[Saved entries]

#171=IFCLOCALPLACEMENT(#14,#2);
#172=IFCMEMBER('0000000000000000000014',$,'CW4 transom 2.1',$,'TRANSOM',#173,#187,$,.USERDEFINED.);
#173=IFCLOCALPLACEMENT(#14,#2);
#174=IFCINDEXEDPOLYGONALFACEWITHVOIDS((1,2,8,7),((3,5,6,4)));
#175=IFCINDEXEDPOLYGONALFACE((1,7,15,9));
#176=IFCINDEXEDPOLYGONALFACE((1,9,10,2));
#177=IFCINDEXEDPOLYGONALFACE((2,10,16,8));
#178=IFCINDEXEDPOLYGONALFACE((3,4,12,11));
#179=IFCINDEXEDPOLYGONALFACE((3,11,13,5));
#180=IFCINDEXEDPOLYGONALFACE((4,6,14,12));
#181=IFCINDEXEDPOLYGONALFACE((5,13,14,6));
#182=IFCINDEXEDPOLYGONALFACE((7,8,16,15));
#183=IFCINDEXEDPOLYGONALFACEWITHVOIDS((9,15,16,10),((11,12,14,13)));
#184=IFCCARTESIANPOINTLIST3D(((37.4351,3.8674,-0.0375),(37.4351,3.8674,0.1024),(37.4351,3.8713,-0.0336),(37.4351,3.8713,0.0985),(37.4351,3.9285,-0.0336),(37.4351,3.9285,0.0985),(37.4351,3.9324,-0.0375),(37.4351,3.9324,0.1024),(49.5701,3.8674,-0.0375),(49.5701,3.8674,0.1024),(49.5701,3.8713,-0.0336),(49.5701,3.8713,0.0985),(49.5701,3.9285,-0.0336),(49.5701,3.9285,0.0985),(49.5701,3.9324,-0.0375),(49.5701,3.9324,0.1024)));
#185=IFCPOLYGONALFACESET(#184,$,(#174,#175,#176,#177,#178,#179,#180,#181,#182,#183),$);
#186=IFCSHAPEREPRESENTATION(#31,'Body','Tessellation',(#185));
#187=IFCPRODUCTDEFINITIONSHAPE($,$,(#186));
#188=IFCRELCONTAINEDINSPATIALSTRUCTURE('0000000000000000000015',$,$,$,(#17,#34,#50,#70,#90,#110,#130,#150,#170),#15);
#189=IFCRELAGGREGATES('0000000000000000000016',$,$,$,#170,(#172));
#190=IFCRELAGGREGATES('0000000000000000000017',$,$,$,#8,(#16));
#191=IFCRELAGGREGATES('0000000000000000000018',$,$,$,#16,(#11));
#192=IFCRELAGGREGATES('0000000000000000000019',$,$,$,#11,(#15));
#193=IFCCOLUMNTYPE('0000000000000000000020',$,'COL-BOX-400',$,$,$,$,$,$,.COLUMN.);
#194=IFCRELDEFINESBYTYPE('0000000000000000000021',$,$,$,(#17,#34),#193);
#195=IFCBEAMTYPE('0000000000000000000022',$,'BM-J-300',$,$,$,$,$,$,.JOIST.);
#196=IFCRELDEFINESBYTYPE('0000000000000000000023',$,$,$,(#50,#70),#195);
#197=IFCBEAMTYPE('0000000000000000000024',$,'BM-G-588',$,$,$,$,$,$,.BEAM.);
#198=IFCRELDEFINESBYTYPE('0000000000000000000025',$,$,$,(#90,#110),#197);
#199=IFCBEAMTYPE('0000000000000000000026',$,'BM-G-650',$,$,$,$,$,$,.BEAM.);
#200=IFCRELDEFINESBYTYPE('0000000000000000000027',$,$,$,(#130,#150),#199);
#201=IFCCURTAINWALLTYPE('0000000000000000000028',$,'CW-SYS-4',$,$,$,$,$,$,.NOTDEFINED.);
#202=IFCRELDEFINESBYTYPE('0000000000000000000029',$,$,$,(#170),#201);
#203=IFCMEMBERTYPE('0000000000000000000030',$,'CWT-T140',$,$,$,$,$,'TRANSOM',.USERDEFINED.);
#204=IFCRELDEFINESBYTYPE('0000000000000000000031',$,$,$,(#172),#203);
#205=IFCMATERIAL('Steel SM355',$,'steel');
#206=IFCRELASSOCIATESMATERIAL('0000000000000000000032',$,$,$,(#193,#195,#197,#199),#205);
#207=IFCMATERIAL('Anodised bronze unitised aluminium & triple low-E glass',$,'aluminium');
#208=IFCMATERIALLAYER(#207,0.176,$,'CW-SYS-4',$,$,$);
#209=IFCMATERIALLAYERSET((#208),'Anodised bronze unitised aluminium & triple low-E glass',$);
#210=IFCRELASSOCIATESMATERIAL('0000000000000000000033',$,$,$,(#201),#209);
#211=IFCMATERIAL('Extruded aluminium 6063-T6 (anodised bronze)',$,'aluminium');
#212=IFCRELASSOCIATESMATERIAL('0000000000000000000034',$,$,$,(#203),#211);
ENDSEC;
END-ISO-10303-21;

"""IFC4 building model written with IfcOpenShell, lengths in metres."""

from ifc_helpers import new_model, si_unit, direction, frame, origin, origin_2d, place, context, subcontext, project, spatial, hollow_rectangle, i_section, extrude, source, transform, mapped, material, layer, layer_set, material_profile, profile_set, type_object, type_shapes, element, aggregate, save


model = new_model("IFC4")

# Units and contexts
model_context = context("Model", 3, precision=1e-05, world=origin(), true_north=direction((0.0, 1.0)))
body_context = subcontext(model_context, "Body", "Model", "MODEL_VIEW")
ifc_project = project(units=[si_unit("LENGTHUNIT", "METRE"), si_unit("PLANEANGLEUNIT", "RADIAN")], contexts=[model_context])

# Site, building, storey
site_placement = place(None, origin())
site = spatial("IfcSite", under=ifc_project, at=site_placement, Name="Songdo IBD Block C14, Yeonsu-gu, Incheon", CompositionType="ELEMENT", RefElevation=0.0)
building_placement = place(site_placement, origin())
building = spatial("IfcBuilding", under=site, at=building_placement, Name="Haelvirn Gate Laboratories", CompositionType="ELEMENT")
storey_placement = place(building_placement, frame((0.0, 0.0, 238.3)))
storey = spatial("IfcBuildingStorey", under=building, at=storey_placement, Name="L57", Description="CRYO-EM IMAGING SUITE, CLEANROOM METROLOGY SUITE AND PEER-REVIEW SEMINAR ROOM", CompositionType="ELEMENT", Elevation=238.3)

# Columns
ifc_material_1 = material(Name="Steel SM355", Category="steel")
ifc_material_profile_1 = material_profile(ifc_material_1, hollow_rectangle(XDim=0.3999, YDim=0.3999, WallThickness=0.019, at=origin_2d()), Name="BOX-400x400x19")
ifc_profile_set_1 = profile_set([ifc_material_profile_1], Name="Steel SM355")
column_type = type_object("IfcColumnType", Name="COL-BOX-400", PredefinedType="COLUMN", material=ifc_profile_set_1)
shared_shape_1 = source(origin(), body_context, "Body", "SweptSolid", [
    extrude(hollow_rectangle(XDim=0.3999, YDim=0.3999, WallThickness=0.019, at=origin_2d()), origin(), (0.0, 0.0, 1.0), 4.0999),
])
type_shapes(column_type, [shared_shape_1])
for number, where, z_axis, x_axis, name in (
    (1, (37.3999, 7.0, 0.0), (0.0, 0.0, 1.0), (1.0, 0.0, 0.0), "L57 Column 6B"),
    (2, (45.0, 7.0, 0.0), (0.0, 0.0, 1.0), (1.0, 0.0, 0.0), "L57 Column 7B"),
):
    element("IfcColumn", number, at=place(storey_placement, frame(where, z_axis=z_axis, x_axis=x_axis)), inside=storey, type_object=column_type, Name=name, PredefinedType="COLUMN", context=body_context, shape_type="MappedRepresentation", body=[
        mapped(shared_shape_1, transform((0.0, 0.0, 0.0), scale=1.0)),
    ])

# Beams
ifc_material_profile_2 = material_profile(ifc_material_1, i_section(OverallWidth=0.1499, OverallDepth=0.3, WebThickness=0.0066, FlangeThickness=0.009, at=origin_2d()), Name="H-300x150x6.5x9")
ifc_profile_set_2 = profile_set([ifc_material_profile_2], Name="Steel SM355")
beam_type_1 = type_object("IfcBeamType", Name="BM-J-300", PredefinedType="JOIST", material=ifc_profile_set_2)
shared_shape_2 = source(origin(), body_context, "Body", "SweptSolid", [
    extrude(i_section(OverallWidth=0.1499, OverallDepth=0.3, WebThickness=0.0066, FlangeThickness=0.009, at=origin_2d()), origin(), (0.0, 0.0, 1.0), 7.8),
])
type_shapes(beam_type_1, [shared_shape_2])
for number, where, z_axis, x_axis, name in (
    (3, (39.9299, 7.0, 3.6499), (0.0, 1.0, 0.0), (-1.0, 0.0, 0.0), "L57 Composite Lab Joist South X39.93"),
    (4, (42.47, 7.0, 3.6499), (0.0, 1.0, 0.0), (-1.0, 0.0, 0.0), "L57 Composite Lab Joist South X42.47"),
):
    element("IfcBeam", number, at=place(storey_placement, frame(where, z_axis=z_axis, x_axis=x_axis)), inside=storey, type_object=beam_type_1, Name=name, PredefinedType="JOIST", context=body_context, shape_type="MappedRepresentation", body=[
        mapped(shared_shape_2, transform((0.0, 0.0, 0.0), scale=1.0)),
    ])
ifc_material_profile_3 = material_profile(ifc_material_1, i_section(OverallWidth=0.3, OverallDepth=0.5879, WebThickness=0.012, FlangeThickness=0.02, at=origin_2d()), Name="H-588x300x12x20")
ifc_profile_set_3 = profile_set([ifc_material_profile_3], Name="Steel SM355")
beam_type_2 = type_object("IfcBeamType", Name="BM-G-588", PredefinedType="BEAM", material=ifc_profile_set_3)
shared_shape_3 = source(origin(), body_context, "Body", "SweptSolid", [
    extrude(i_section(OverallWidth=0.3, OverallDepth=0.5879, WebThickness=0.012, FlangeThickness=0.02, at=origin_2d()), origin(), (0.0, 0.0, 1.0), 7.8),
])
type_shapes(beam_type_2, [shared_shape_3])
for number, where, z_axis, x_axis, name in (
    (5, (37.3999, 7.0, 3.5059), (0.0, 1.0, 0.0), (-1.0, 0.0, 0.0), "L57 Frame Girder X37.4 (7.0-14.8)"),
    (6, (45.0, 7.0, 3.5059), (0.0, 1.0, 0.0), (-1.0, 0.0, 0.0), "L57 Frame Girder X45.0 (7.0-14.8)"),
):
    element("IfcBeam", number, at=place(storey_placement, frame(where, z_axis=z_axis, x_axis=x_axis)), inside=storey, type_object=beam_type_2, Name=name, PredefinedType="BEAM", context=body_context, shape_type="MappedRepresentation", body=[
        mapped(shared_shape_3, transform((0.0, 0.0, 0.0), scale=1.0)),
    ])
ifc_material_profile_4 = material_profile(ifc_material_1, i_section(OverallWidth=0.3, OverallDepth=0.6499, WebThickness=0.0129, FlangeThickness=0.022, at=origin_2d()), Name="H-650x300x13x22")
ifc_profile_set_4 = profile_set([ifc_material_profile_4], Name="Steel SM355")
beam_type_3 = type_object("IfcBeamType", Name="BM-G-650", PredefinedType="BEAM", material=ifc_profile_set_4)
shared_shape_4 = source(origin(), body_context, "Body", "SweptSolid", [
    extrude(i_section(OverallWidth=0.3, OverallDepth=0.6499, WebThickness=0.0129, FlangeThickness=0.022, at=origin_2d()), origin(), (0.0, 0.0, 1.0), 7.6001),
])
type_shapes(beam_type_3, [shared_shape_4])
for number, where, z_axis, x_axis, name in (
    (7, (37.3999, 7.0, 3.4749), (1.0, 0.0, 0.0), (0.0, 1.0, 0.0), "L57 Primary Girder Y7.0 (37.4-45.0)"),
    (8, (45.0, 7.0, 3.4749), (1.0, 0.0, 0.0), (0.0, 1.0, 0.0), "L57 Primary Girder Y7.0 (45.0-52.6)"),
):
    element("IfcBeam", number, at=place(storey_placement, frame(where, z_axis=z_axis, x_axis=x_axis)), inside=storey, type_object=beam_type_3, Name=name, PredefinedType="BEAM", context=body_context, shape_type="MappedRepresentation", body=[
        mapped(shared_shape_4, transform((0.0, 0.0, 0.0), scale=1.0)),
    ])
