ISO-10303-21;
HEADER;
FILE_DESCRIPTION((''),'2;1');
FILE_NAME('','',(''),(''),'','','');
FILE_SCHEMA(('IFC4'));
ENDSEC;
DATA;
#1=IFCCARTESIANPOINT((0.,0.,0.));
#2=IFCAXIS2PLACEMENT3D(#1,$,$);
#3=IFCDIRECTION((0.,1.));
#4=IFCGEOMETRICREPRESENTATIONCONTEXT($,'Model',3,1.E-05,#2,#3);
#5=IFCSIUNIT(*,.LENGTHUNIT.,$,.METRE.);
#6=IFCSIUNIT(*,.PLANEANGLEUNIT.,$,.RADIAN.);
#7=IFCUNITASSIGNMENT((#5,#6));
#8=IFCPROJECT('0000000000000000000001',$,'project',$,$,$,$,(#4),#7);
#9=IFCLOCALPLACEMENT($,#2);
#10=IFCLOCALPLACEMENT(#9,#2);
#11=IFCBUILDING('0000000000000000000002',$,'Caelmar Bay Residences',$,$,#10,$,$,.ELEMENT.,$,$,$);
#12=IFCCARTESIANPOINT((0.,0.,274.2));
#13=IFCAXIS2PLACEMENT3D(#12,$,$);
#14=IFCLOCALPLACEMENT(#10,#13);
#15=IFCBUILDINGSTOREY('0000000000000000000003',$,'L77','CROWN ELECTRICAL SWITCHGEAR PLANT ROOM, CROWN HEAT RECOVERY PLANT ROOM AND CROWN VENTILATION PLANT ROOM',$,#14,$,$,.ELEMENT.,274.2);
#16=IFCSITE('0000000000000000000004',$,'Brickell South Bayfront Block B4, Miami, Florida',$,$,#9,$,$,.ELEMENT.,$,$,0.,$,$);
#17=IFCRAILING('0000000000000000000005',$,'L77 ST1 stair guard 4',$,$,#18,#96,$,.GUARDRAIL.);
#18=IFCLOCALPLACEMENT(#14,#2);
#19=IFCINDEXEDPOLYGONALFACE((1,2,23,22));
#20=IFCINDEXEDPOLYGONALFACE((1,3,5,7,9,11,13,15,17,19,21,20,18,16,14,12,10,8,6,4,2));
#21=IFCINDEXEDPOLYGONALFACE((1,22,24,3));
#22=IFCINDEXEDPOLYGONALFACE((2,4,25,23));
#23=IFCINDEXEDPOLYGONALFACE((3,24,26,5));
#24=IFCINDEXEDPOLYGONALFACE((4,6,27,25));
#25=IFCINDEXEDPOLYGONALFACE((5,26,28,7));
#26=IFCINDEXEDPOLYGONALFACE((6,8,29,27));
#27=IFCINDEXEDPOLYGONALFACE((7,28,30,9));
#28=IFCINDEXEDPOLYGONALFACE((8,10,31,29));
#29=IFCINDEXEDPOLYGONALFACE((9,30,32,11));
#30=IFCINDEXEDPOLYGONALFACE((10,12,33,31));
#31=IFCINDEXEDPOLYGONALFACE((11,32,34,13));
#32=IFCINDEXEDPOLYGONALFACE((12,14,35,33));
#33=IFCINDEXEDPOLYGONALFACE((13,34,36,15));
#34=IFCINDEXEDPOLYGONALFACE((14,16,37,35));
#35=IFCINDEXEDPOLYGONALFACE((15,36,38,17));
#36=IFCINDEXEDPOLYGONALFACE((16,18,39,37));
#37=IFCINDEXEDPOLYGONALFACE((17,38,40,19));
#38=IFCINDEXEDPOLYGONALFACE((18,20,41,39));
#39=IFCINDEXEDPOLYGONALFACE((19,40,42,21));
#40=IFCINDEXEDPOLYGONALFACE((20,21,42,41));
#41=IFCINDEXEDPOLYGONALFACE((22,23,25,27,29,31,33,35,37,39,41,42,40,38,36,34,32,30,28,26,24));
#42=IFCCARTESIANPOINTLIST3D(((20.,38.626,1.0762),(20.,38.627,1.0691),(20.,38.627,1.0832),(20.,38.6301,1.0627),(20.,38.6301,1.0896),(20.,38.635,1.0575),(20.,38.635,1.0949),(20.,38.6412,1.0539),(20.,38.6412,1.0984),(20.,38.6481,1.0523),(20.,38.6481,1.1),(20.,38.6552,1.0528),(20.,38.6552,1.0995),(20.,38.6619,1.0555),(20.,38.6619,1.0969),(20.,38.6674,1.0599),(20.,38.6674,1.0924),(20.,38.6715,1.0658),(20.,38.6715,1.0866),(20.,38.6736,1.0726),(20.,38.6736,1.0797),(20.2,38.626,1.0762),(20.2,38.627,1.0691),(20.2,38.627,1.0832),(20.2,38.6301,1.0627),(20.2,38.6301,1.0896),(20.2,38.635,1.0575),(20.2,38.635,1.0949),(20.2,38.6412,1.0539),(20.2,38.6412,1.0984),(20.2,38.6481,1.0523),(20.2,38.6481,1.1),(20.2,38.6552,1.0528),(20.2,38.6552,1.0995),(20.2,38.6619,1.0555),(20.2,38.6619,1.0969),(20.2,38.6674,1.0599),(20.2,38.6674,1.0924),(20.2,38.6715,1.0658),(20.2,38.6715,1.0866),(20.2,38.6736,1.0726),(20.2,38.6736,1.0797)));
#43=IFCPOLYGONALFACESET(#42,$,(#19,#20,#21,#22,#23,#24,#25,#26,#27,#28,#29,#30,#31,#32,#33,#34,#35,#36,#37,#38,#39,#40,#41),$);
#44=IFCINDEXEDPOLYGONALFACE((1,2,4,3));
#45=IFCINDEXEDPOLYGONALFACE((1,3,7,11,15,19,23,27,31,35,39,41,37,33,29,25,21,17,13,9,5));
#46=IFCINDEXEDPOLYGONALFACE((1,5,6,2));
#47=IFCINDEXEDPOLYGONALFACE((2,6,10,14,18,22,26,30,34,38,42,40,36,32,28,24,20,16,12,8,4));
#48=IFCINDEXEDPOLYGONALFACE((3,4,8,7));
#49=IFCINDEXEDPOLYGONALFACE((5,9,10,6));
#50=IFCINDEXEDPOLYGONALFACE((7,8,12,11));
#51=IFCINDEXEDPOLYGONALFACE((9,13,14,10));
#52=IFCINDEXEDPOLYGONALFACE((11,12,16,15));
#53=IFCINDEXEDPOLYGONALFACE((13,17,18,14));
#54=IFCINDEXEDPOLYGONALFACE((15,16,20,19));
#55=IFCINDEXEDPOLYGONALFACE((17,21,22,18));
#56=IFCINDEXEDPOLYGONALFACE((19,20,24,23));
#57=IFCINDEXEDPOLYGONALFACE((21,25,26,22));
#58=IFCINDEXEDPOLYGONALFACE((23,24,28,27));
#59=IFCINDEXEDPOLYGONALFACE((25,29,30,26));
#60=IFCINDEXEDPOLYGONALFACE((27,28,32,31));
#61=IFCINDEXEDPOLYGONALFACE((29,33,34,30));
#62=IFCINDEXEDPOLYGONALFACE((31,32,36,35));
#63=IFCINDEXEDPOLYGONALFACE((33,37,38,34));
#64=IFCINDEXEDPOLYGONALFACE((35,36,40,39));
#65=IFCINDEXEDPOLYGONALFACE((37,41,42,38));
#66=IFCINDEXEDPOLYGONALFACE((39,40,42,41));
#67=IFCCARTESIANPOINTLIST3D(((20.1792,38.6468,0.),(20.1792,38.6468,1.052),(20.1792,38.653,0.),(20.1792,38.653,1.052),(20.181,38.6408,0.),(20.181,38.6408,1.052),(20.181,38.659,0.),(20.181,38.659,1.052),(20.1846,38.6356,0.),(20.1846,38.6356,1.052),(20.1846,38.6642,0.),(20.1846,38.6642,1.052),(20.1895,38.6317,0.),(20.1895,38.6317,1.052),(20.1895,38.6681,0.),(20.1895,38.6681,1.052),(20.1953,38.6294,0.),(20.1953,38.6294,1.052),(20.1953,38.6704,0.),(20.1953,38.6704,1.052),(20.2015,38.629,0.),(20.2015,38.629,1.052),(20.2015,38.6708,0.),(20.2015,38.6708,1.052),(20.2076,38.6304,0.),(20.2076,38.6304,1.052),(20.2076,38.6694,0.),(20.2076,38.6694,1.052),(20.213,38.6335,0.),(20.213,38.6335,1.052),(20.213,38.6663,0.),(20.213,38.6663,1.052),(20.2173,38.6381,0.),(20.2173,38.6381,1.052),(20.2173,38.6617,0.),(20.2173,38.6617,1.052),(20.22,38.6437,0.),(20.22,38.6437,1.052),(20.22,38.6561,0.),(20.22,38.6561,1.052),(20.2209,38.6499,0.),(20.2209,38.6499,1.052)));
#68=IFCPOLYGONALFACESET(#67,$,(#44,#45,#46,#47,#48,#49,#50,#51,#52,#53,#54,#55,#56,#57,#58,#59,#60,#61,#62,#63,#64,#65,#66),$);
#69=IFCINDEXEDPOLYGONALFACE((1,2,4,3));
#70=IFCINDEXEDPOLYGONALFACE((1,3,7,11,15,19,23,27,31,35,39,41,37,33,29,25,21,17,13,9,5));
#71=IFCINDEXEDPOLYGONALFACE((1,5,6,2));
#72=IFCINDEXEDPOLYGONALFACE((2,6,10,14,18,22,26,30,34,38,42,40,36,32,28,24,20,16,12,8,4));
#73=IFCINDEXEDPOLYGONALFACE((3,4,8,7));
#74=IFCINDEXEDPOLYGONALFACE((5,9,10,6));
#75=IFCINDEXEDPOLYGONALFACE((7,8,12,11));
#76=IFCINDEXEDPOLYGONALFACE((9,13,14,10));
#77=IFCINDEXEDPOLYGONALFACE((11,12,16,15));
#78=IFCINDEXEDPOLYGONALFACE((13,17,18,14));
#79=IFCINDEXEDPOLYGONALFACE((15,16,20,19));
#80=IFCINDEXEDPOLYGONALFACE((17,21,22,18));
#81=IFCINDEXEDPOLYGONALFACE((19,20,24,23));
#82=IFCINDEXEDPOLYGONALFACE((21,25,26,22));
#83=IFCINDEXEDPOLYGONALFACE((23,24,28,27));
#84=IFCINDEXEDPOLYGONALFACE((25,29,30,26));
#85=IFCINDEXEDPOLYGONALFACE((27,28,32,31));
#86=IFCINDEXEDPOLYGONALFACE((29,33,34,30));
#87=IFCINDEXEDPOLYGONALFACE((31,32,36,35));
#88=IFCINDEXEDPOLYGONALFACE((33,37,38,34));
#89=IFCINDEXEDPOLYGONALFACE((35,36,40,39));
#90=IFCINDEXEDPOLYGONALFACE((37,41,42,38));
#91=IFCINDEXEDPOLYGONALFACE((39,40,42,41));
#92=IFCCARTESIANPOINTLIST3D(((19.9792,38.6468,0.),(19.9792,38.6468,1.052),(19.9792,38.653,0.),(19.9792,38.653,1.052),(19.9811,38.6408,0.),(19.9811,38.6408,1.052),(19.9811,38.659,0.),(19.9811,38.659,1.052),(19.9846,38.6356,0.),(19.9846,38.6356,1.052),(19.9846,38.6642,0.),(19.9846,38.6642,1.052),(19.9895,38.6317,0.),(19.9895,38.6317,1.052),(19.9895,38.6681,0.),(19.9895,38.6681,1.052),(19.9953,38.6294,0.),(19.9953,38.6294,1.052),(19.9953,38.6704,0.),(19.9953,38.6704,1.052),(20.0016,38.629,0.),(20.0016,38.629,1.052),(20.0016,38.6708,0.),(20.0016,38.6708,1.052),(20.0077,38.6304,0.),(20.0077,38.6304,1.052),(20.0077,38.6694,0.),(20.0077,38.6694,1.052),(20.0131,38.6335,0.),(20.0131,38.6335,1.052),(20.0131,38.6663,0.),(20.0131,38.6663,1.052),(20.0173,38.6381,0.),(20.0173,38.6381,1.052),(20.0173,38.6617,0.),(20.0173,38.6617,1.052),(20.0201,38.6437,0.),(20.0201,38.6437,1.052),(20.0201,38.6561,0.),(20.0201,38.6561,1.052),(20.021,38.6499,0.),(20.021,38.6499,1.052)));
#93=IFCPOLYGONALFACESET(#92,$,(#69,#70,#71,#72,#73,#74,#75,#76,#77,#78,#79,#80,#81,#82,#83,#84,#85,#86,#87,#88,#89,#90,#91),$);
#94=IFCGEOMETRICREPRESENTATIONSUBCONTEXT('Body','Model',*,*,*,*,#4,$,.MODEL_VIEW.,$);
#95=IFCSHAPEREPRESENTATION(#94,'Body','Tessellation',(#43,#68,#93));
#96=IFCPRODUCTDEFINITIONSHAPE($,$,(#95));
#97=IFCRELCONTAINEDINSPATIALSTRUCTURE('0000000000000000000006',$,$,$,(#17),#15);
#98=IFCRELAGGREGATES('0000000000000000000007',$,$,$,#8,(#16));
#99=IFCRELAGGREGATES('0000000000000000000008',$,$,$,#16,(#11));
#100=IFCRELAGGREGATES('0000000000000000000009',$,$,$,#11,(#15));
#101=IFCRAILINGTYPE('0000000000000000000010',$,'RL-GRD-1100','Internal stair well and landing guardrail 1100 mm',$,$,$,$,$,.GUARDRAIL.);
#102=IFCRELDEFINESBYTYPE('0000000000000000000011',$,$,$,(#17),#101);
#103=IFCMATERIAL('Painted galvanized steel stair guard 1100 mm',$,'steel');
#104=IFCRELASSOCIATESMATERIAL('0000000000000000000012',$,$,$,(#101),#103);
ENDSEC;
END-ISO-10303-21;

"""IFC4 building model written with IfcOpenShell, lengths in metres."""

from ifc_helpers import new_model, si_unit, direction, frame, origin, origin_2d, place, context, subcontext, project, spatial, circle, extrude, material, type_object, element, save


model = new_model("IFC4")

# Units and contexts
model_context = context("Model", 3, precision=1e-05, world=origin(), true_north=direction((0.0, 1.0)))
body_context = subcontext(model_context, "Body", "Model", "MODEL_VIEW")
ifc_project = project(units=[si_unit("LENGTHUNIT", "METRE"), si_unit("PLANEANGLEUNIT", "RADIAN")], contexts=[model_context])

# Site, building, storey
site_placement = place(None, origin())
site = spatial("IfcSite", under=ifc_project, at=site_placement, Name="Brickell South Bayfront Block B4, Miami, Florida", CompositionType="ELEMENT", RefElevation=0.0)
building_placement = place(site_placement, origin())
building = spatial("IfcBuilding", under=site, at=building_placement, Name="Caelmar Bay Residences", CompositionType="ELEMENT")
storey_placement = place(building_placement, frame((0.0, 0.0, 274.2)))
storey = spatial("IfcBuildingStorey", under=building, at=storey_placement, Name="L77", Description="CROWN ELECTRICAL SWITCHGEAR PLANT ROOM, CROWN HEAT RECOVERY PLANT ROOM AND CROWN VENTILATION PLANT ROOM", CompositionType="ELEMENT", Elevation=274.2)

# Railing
ifc_material_1 = material(Name="Painted galvanized steel stair guard 1100 mm", Category="steel")
railing_type_1 = type_object("IfcRailingType", Name="RL-GRD-1100", Description="Internal stair well and landing guardrail 1100 mm", PredefinedType="GUARDRAIL", material=ifc_material_1)
railing_1_placement = place(storey_placement, frame((20.2, 38.6499, 0.0)))
element("IfcRailing", 1, at=railing_1_placement, inside=storey, type_object=railing_type_1, Name="L77 ST1 stair guard 4", PredefinedType="GUARDRAIL", context=body_context, shape_type="SweptSolid", body=[
    extrude(circle(Radius=0.0239, at=origin_2d()), frame((0.0, 0.0, 1.0762), z_axis=(-1.0, 0.0, 0.0), x_axis=(0.0, -1.0, 0.0)), (0.0, 0.0, 1.0), 0.2),
    extrude(circle(Radius=0.021, at=origin_2d()), origin(), (0.0, 0.0, 1.0), 1.052),
    extrude(circle(Radius=0.021, at=origin_2d()), frame((-0.2, 0.0, 0.0)), (0.0, 0.0, 1.0), 1.052),
])

save(model, "model.ifc")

*Problem details*
Copy out the entries exactly. Begin at the first line and end with the line that has "#182=IFCINDEXEDPOLYGONALFACE((7,8,16,15));".

*Answer section*
#171=IFCLOCALPLACEMENT(#14,#2);
#172=IFCMEMBER('0000000000000000000014',$,'CW4 transom 2.1',$,'TRANSOM',#173,#187,$,.USERDEFINED.);
#173=IFCLOCALPLACEMENT(#14,#2);
#174=IFCINDEXEDPOLYGONALFACEWITHVOIDS((1,2,8,7),((3,5,6,4)));
#175=IFCINDEXEDPOLYGONALFACE((1,7,15,9));
#176=IFCINDEXEDPOLYGONALFACE((1,9,10,2));
#177=IFCINDEXEDPOLYGONALFACE((2,10,16,8));
#178=IFCINDEXEDPOLYGONALFACE((3,4,12,11));
#179=IFCINDEXEDPOLYGONALFACE((3,11,13,5));
#180=IFCINDEXEDPOLYGONALFACE((4,6,14,12));
#181=IFCINDEXEDPOLYGONALFACE((5,13,14,6));
#182=IFCINDEXEDPOLYGONALFACE((7,8,16,15));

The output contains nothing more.